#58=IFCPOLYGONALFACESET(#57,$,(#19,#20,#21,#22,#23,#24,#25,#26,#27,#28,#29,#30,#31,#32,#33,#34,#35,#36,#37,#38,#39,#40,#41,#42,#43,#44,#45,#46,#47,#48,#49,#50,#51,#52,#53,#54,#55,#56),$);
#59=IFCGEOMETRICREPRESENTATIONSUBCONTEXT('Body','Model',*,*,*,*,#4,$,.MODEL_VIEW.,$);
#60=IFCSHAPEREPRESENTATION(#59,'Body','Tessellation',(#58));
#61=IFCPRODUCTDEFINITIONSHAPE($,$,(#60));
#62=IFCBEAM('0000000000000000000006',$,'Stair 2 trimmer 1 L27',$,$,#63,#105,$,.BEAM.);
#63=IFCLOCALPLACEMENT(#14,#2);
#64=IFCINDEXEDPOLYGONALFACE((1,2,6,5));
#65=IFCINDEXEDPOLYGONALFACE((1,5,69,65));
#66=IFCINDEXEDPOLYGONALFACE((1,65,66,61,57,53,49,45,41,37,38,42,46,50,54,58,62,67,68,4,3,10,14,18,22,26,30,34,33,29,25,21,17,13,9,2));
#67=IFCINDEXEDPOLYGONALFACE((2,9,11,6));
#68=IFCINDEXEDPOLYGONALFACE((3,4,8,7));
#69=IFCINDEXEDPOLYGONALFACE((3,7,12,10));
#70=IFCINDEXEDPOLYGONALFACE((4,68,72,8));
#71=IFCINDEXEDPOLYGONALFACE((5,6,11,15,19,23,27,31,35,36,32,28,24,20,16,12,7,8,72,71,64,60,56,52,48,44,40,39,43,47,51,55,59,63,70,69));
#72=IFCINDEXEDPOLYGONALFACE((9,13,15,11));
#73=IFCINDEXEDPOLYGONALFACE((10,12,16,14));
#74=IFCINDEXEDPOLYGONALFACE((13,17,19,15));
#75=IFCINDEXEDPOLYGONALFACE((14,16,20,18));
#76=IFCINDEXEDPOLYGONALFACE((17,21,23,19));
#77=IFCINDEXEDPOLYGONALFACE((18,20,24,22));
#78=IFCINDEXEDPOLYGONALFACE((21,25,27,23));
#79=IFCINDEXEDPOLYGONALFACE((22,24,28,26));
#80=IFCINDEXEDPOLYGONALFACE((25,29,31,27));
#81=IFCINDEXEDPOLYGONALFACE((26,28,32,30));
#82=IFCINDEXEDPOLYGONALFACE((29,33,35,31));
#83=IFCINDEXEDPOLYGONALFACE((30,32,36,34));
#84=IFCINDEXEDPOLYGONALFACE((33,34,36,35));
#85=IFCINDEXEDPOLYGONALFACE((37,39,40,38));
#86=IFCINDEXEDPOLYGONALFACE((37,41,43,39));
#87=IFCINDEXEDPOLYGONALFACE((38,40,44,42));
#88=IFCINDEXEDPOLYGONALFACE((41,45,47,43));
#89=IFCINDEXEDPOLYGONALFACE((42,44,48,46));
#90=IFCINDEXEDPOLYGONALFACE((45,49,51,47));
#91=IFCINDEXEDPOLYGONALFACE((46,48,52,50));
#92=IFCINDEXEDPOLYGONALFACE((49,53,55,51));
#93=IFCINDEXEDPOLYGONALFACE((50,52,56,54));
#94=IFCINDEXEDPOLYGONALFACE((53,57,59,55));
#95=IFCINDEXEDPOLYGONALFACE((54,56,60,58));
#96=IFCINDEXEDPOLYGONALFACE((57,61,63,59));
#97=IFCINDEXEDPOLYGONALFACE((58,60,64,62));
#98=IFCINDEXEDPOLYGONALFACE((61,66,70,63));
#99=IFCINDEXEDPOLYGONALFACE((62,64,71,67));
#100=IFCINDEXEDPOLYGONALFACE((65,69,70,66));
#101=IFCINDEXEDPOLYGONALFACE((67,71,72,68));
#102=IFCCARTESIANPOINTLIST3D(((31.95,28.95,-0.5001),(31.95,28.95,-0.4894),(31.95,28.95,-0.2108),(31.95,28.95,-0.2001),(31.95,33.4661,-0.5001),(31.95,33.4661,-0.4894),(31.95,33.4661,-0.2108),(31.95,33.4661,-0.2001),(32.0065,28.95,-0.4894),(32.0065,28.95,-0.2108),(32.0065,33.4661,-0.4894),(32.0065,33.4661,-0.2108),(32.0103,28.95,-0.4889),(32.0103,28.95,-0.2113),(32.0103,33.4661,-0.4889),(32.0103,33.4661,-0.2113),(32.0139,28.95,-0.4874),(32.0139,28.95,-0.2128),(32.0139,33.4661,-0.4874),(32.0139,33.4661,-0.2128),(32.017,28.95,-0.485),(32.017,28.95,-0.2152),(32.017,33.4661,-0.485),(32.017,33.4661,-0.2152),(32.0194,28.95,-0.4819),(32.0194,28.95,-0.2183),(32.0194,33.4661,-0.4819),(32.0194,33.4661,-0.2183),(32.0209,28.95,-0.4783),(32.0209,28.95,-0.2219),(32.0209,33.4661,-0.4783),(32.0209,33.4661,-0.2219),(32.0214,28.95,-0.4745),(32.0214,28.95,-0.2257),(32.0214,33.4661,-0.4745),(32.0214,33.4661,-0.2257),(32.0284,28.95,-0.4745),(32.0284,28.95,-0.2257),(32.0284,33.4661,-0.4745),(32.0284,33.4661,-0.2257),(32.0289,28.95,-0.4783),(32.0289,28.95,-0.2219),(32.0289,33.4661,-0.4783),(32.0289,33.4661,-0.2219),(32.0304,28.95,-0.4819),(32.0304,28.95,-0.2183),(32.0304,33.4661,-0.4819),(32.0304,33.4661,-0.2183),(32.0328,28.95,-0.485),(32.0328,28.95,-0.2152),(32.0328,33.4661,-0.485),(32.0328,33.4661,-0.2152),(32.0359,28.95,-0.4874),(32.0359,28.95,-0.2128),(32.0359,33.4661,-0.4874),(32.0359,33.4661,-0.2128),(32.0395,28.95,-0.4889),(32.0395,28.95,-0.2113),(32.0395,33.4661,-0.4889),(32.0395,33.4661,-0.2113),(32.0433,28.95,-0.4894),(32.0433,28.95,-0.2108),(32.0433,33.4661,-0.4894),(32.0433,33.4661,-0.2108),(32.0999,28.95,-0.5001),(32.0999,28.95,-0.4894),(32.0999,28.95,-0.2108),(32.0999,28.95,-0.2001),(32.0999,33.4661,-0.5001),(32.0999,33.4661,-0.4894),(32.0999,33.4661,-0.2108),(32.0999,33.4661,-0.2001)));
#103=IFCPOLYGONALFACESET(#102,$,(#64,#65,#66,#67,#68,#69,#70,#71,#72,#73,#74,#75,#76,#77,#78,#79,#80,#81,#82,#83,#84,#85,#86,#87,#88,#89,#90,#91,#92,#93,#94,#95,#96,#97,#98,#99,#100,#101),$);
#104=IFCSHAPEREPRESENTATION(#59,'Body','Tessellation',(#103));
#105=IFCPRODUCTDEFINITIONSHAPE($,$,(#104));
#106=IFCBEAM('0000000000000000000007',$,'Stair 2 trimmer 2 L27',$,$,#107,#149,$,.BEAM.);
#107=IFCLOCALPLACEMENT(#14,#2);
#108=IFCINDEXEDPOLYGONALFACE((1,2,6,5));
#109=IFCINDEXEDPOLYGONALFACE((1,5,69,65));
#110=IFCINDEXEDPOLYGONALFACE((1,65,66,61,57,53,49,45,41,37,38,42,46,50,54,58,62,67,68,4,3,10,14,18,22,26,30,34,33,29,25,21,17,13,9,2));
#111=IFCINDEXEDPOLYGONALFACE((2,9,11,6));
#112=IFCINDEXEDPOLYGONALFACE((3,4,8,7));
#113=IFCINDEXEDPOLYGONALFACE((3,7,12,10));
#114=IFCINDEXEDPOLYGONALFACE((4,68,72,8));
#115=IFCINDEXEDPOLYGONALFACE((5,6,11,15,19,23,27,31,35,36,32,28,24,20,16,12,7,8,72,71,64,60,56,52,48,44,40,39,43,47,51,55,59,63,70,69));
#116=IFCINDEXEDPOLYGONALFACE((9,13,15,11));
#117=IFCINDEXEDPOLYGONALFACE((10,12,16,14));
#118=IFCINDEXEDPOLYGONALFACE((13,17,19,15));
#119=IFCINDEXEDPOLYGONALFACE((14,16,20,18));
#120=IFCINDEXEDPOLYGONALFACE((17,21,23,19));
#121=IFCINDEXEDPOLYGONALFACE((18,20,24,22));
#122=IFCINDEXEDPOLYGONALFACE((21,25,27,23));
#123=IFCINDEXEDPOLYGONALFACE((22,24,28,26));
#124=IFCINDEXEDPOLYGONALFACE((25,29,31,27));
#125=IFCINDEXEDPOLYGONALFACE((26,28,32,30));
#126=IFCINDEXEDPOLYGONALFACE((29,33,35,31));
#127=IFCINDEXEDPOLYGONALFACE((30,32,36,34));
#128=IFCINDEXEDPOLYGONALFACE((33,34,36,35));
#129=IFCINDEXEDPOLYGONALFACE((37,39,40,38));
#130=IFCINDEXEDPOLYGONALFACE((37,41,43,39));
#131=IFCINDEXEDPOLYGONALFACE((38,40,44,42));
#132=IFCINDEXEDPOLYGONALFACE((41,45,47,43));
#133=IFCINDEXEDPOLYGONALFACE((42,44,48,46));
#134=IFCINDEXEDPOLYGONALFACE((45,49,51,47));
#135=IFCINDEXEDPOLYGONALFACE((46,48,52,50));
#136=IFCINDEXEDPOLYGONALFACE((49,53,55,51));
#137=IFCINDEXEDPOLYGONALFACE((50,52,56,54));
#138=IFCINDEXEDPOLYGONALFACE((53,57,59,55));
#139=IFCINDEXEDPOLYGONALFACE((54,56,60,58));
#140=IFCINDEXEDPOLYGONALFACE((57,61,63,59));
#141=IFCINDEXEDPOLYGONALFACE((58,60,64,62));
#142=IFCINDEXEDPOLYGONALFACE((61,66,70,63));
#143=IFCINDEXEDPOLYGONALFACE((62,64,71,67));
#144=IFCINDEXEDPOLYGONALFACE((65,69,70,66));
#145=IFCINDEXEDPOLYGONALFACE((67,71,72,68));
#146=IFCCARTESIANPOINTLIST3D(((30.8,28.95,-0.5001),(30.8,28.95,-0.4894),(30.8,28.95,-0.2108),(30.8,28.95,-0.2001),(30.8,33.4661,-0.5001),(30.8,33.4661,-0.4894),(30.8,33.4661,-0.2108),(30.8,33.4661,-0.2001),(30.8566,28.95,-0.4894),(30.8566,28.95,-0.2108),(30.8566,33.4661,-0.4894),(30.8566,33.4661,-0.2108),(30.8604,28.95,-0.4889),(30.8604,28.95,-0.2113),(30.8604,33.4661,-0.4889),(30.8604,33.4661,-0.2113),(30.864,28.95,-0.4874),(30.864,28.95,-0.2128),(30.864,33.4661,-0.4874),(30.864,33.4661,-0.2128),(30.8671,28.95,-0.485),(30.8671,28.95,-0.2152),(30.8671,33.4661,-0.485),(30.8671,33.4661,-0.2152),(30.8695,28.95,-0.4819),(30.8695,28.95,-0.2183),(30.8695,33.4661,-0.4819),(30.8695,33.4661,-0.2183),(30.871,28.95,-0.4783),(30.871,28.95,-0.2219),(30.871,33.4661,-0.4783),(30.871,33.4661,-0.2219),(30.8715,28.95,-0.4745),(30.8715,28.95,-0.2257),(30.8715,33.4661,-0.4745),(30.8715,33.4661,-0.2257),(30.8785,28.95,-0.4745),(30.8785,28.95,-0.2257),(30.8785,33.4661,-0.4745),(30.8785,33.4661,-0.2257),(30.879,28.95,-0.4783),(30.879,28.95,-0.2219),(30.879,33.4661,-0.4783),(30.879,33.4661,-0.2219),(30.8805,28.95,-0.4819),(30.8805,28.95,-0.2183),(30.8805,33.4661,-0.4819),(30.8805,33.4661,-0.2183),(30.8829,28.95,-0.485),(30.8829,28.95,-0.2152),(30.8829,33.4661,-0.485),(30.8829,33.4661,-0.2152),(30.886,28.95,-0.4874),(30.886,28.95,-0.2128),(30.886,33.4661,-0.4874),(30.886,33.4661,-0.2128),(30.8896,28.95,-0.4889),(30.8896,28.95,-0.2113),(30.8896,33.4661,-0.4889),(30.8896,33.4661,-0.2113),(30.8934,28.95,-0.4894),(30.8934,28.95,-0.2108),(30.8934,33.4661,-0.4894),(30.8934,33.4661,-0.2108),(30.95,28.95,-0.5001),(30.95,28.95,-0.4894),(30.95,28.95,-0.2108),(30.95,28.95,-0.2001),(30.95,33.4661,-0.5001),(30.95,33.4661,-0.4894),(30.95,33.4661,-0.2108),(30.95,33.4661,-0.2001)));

........

» **Directions**
Scan the material above for lines that contain the string "IFCPOLYGONALFACESET", and copy each such line.

» **Task answer**
#58=IFCPOLYGONALFACESET(#57,$,(#19,#20,#21,#22,#23,#24,#25,#26,#27,#28,#29,#30,#31,#32,#33,#34,#35,#36,#37,#38,#39,#40,#41,#42,#43,#44,#45,#46,#47,#48,#49,#50,#51,#52,#53,#54,#55,#56),$);
#103=IFCPOLYGONALFACESET(#102,$,(#64,#65,#66,#67,#68,#69,#70,#71,#72,#73,#74,#75,#76,#77,#78,#79,#80,#81,#82,#83,#84,#85,#86,#87,#88,#89,#90,#91,#92,#93,#94,#95,#96,#97,#98,#99,#100,#101),$);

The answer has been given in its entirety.